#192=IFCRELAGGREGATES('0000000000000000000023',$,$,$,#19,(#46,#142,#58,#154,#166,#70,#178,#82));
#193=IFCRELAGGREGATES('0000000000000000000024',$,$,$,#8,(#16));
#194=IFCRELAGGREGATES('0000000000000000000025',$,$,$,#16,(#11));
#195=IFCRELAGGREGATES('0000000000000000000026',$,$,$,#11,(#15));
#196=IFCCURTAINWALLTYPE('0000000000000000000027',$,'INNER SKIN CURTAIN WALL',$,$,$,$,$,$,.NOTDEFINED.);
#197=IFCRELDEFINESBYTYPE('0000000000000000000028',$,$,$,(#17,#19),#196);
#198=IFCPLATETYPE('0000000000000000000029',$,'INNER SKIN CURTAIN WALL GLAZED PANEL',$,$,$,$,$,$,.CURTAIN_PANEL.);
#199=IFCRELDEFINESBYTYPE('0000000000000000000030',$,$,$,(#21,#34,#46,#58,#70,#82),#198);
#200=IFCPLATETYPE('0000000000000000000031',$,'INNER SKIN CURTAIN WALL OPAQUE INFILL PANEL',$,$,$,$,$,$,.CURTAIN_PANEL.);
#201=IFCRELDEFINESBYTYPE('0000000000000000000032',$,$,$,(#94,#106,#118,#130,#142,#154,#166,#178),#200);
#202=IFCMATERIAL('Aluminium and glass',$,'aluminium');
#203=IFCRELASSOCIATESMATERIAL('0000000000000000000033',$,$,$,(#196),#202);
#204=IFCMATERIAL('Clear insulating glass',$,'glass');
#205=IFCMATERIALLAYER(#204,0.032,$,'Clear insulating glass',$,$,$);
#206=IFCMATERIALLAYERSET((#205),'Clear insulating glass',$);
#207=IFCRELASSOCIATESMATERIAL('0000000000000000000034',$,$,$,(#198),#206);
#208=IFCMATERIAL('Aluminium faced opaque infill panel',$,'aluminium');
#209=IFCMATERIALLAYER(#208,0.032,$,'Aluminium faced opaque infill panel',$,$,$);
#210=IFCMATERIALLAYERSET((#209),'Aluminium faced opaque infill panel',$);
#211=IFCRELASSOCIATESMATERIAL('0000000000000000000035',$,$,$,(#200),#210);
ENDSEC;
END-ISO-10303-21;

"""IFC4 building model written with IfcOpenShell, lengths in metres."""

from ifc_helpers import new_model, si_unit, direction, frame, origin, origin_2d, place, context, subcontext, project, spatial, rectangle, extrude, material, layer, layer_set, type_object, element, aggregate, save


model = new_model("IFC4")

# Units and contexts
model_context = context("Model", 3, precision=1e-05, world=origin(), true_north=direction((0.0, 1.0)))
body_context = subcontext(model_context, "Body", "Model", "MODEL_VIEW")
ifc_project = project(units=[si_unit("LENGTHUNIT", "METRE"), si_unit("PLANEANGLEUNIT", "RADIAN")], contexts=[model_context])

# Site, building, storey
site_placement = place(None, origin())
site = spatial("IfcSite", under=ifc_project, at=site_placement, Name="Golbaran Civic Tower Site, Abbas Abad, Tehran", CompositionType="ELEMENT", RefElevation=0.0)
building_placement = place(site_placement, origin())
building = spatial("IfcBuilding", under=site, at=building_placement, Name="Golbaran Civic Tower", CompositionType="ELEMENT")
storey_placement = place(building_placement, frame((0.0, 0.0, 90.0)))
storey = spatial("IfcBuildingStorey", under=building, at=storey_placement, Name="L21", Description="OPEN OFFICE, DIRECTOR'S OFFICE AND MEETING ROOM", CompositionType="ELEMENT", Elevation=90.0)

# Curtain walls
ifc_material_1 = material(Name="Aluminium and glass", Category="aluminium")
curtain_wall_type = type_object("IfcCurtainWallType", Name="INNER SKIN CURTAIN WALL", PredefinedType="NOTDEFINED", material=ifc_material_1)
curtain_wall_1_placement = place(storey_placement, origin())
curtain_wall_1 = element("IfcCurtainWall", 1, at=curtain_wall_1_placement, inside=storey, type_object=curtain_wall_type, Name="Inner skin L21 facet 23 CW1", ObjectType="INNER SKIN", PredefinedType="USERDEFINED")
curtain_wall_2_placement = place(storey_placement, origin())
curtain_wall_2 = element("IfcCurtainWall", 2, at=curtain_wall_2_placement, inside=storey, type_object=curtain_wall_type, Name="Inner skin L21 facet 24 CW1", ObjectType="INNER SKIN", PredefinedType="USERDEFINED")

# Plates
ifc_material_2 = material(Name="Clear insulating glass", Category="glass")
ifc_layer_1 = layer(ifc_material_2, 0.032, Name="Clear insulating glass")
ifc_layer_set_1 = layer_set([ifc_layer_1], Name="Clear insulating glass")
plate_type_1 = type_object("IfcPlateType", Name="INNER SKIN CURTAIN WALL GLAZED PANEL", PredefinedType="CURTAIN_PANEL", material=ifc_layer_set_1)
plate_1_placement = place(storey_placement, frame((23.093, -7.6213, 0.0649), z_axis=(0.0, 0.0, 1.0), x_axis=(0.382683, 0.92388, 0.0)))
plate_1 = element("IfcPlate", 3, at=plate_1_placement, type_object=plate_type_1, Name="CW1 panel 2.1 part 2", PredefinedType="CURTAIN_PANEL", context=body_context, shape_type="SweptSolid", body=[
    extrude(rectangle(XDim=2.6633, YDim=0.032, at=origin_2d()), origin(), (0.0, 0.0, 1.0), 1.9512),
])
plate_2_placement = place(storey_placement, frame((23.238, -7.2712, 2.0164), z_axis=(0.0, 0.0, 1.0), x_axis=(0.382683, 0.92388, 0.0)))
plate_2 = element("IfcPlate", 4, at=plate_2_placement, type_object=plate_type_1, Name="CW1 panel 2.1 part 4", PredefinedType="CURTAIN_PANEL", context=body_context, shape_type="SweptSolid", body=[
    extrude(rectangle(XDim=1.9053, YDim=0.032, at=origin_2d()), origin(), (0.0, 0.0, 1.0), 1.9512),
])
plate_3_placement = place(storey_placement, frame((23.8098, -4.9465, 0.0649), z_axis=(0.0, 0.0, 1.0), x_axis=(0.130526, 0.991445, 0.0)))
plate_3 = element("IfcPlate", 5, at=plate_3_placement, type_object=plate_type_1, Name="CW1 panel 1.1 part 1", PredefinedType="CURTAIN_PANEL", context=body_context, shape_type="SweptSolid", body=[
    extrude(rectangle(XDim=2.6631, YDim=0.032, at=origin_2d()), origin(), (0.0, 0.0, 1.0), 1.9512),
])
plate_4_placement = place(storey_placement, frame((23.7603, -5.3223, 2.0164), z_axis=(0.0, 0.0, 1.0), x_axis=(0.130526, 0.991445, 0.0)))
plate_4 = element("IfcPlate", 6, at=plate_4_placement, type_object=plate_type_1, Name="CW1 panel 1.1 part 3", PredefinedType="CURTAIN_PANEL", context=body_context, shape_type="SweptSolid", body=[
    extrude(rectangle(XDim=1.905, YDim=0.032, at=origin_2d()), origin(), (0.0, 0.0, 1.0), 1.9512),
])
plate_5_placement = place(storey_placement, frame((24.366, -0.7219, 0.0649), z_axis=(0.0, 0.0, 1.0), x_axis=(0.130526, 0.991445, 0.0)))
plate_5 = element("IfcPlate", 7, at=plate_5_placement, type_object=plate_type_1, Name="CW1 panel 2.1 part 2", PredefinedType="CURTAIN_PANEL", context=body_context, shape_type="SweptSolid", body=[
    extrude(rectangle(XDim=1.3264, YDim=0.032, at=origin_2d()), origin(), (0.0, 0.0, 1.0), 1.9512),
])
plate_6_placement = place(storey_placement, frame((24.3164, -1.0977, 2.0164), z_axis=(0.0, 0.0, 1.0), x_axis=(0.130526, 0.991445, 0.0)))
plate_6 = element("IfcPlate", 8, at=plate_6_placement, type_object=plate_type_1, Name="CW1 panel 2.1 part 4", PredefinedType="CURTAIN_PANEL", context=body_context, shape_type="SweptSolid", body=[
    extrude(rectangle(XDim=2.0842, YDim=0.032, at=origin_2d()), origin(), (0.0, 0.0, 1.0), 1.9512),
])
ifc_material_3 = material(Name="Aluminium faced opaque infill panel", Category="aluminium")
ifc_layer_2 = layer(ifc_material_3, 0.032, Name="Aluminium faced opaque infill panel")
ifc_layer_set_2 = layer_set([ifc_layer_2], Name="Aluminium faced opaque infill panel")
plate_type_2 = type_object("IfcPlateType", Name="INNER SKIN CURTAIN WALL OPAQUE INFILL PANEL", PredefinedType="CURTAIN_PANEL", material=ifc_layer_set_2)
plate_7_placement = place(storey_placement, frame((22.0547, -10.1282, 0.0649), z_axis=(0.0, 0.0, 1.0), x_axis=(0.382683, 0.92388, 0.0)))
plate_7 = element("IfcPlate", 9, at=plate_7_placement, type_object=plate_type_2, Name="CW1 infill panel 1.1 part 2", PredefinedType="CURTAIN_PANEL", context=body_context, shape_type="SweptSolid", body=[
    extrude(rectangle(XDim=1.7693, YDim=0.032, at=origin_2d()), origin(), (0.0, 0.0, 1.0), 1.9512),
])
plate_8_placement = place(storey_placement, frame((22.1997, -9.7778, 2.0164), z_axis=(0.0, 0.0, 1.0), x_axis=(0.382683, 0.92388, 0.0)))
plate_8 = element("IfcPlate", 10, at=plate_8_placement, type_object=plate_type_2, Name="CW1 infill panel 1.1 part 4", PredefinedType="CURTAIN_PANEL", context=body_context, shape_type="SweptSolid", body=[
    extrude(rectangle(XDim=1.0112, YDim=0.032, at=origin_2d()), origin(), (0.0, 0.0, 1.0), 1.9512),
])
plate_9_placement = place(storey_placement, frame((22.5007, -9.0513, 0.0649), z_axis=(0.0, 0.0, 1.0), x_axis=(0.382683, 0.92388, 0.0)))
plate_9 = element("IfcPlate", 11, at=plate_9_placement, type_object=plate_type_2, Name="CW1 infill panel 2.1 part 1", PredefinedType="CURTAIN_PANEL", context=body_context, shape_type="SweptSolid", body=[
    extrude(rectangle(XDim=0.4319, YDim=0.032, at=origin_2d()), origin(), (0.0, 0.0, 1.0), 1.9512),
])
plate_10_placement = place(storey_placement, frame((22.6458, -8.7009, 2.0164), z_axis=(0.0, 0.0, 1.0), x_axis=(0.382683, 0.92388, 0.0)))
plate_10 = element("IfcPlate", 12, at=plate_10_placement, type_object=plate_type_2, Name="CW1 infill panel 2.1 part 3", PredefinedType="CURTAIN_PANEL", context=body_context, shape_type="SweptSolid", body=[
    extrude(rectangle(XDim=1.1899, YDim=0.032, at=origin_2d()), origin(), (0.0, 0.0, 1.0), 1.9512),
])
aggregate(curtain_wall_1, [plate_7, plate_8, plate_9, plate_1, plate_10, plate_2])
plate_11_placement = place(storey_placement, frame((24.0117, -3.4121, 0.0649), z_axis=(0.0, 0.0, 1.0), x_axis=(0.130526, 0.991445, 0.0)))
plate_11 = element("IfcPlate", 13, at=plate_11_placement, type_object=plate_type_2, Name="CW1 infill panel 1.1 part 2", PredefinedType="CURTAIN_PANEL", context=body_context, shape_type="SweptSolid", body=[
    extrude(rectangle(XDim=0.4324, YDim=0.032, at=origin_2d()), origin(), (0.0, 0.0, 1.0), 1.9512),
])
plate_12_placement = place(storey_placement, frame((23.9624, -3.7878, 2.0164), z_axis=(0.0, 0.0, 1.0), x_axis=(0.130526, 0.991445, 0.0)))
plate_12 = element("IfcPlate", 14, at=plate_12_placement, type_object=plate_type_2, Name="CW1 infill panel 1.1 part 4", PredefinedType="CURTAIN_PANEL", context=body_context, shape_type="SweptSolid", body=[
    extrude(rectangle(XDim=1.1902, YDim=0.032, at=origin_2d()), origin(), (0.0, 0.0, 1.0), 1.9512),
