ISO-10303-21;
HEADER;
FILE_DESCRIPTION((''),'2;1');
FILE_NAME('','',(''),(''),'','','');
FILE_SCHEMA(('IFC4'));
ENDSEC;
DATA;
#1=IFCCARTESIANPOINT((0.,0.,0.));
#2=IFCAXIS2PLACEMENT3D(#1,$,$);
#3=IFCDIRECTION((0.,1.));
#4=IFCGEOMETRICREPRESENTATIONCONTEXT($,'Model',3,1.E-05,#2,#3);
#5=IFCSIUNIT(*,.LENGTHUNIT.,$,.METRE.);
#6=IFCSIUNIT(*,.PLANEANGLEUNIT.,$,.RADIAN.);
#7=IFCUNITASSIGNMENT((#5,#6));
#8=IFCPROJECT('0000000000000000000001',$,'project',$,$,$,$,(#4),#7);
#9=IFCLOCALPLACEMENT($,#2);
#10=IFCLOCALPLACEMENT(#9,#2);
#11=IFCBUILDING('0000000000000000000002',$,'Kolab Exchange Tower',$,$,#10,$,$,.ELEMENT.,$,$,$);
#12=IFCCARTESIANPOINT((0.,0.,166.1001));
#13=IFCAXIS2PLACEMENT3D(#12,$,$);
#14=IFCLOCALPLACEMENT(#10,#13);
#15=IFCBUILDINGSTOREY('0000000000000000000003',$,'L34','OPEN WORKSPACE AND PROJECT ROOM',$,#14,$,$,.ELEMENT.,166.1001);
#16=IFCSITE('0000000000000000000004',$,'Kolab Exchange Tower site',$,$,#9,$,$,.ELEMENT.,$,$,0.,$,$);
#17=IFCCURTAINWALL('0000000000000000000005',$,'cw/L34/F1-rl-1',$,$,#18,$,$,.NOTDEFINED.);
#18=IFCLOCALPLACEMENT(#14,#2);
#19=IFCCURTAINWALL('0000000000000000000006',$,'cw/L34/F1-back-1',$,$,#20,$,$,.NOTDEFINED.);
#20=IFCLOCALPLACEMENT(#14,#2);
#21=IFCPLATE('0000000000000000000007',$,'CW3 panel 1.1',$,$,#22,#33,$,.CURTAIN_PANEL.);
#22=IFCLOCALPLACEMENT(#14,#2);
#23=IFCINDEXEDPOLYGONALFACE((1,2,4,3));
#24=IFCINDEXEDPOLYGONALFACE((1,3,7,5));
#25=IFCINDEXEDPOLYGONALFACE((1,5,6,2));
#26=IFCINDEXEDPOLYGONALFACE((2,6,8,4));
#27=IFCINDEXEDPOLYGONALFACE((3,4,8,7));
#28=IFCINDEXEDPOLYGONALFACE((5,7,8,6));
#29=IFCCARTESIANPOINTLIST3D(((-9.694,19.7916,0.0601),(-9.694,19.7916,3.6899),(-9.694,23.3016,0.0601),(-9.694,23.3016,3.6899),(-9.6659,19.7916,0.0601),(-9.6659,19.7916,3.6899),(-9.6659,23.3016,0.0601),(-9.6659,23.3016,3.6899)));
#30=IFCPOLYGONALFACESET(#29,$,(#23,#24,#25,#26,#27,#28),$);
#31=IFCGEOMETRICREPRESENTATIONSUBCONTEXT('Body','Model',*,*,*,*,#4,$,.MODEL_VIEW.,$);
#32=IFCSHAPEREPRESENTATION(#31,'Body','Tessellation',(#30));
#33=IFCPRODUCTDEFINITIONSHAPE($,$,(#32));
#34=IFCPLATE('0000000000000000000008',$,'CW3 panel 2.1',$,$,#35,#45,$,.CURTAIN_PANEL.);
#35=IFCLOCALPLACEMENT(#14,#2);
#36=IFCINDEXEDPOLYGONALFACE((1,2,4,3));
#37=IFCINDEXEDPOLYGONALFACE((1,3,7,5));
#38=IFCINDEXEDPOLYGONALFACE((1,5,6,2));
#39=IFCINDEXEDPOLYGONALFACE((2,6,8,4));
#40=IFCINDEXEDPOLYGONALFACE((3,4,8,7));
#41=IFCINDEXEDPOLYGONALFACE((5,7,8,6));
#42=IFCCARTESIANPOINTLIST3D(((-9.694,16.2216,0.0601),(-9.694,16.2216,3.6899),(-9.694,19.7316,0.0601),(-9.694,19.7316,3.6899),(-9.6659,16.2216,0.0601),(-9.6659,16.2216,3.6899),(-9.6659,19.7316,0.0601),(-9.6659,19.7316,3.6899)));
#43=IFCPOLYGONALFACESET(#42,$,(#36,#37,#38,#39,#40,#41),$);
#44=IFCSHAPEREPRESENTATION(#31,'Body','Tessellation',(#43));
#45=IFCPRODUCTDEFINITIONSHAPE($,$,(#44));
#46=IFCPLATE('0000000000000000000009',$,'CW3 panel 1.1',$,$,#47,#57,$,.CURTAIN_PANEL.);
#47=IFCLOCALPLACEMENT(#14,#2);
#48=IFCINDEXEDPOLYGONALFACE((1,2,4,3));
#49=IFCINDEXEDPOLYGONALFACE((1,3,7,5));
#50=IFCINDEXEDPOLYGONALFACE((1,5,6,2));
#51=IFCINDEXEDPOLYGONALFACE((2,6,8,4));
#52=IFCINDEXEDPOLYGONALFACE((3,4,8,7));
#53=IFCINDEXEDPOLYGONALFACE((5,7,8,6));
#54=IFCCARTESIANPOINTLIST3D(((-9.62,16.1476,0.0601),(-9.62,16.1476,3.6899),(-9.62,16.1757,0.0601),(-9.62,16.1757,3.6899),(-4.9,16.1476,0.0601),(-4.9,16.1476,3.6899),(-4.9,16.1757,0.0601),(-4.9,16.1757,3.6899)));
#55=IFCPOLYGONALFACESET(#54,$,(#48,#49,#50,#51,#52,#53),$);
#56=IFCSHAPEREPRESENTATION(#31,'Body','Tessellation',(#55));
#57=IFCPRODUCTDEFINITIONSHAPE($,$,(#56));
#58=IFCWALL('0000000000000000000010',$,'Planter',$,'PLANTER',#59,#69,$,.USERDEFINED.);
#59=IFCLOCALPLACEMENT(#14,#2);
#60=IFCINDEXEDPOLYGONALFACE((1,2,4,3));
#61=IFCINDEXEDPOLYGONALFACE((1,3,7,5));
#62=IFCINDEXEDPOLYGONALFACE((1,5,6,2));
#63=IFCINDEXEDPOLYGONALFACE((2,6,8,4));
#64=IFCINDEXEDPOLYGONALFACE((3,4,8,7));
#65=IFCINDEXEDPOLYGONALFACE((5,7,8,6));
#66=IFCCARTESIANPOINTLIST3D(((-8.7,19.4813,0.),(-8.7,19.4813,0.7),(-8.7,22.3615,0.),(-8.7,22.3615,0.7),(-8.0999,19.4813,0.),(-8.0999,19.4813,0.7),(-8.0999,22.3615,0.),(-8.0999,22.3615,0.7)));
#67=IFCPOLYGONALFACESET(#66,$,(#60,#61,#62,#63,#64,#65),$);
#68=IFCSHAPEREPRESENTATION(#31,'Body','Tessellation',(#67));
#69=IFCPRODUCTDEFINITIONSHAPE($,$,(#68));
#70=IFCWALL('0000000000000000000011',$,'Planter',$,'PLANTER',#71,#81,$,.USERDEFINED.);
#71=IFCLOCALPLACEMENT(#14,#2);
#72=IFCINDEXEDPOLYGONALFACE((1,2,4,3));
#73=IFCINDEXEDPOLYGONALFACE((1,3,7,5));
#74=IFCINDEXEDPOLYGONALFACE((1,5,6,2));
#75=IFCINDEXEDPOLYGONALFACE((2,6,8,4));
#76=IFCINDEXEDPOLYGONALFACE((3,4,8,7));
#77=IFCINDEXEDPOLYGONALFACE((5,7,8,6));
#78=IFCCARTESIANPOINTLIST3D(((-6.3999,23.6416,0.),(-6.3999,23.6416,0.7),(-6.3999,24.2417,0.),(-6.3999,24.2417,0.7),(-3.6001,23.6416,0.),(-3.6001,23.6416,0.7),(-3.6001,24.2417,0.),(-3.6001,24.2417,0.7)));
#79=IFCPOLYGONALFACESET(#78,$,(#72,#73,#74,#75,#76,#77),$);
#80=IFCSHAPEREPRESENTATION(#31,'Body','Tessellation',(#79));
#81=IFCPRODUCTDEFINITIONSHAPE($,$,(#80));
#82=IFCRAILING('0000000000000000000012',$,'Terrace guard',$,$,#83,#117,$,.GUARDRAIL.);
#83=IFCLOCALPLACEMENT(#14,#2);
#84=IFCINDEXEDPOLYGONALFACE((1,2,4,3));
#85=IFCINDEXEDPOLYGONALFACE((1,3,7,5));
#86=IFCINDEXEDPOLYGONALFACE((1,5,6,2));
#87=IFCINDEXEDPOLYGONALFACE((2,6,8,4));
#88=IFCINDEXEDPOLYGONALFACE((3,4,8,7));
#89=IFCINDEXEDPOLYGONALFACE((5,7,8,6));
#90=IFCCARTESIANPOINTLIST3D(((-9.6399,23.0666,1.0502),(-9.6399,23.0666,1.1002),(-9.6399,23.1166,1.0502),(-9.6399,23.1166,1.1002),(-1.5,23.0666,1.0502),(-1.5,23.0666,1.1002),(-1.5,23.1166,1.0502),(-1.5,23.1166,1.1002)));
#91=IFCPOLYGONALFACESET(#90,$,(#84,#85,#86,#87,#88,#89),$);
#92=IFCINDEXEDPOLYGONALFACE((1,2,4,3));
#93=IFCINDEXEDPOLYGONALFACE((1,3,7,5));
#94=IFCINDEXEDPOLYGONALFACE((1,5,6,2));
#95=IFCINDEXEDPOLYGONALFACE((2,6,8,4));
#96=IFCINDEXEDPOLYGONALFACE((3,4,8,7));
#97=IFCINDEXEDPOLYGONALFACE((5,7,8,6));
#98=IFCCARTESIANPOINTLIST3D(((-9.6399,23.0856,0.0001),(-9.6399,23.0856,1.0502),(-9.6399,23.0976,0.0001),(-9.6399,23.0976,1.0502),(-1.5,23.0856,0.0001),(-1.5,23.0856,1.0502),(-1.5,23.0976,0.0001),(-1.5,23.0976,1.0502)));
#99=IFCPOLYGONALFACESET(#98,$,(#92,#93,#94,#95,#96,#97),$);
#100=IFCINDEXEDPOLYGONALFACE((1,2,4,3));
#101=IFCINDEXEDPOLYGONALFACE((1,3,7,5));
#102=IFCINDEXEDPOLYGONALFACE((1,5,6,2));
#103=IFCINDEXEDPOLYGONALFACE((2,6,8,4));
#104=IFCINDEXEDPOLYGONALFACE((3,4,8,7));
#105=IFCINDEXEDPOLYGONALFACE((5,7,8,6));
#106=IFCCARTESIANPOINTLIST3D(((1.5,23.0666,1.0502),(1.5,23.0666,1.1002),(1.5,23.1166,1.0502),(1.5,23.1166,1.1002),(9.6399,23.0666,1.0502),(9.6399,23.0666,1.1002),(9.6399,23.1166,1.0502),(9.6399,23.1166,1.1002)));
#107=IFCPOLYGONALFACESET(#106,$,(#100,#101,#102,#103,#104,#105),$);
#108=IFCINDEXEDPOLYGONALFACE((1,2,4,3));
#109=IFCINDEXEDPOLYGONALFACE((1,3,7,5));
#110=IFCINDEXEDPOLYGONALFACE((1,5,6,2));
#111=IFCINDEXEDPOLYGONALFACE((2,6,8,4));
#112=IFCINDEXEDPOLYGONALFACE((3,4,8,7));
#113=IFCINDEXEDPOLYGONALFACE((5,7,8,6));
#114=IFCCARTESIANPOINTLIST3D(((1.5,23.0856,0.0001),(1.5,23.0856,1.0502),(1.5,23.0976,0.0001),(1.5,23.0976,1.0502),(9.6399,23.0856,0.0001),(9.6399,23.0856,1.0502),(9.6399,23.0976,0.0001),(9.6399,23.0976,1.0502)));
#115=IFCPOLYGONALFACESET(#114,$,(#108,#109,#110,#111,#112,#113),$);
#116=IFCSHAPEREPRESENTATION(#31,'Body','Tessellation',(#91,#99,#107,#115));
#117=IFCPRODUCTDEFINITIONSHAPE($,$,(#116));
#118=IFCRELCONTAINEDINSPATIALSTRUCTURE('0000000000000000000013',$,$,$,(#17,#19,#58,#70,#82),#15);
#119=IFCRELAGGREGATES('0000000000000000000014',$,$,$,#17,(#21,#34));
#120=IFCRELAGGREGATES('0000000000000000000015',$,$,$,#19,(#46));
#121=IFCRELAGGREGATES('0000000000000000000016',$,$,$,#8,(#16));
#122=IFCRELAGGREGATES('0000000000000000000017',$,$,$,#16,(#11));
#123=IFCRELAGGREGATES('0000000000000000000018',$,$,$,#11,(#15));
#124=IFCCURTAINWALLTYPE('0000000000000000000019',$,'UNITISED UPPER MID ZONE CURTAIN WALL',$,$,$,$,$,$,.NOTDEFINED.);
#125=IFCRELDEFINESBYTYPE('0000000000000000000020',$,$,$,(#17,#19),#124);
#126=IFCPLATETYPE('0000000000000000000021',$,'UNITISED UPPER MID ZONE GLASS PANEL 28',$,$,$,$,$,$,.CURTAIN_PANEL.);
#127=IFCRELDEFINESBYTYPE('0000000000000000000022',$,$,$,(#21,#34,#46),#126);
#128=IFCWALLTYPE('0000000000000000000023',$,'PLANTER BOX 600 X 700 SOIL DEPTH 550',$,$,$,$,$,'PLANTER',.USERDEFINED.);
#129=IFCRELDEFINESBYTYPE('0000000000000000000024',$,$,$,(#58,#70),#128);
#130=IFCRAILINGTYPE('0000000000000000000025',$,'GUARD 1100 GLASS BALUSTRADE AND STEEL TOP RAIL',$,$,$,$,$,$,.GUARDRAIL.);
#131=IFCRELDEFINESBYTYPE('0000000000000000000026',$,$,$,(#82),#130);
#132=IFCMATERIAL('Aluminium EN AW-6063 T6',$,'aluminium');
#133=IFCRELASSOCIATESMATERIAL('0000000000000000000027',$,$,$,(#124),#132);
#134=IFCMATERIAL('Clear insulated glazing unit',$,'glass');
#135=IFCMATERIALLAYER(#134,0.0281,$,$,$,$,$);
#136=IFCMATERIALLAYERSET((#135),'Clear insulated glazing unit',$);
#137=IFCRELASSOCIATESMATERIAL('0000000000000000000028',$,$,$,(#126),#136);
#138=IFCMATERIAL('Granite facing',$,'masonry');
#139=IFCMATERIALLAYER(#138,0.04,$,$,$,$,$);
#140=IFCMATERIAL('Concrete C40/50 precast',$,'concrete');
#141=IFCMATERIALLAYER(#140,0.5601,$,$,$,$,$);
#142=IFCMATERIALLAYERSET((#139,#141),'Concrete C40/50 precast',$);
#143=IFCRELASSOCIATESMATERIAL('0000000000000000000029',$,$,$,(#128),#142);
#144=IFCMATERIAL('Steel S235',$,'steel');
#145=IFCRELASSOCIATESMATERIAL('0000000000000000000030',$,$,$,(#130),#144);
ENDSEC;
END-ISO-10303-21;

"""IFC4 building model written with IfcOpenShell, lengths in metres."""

from ifc_helpers import new_model, si_unit, direction, frame, frame_2d, origin, origin_2d, place, context, subcontext, project, spatial, rectangle, extrude, material, layer, layer_set, type_object, element, aggregate, save


model = new_model("IFC4")

# Units and contexts
model_context = context("Model", 3, precision=1e-05, world=origin(), true_north=direction((0.0, 1.0)))
body_context = subcontext(model_context, "Body", "Model", "MODEL_VIEW")
ifc_project = project(units=[si_unit("LENGTHUNIT", "METRE"), si_unit("PLANEANGLEUNIT", "RADIAN")], contexts=[model_context])

# Site, building, storey
site_placement = place(None, origin())
site = spatial("IfcSite", under=ifc_project, at=site_placement, Name="Kolab Exchange Tower site", CompositionType="ELEMENT", RefElevation=0.0)
building_placement = place(site_placement, origin())
building = spatial("IfcBuilding", under=site, at=building_placement, Name="Kolab Exchange Tower", CompositionType="ELEMENT")
storey_placement = place(building_placement, frame((0.0, 0.0, 166.1001)))
storey = spatial("IfcBuildingStorey", under=building, at=storey_placement, Name="L34", Description="OPEN WORKSPACE AND PROJECT ROOM", CompositionType="ELEMENT", Elevation=166.1001)

# Shared definitions
ifc_material_1 = material(Name="Aluminium EN AW-6063 T6", Category="aluminium")
curtain_wall_type = type_object("IfcCurtainWallType", Name="UNITISED UPPER MID ZONE CURTAIN WALL", PredefinedType="NOTDEFINED", material=ifc_material_1)

# Curtain wall
curtain_wall_1_placement = place(storey_placement, origin())
curtain_wall_1 = element("IfcCurtainWall", 1, at=curtain_wall_1_placement, inside=storey, type_object=curtain_wall_type, Name="cw/L34/F1-rl-1", PredefinedType="NOTDEFINED")

# Curtain wall
curtain_wall_2_placement = place(storey_placement, origin())
curtain_wall_2 = element("IfcCurtainWall", 2, at=curtain_wall_2_placement, inside=storey, type_object=curtain_wall_type, Name="cw/L34/F1-back-1", PredefinedType="NOTDEFINED")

TASK BRIEF. An exact repetition of the material above is required, from its first line through the line holding "SKIN CURTAIN WALL',$,$,$,$,$,$,.NOTDEFINED.);", with nothing added.

REPLY.
#192=IFCRELAGGREGATES('0000000000000000000023',$,$,$,#19,(#46,#142,#58,#154,#166,#70,#178,#82));
#193=IFCRELAGGREGATES('0000000000000000000024',$,$,$,#8,(#16));
#194=IFCRELAGGREGATES('0000000000000000000025',$,$,$,#16,(#11));
#195=IFCRELAGGREGATES('0000000000000000000026',$,$,$,#11,(#15));
#196=IFCCURTAINWALLTYPE('0000000000000000000027',$,'INNER SKIN CURTAIN WALL',$,$,$,$,$,$,.NOTDEFINED.);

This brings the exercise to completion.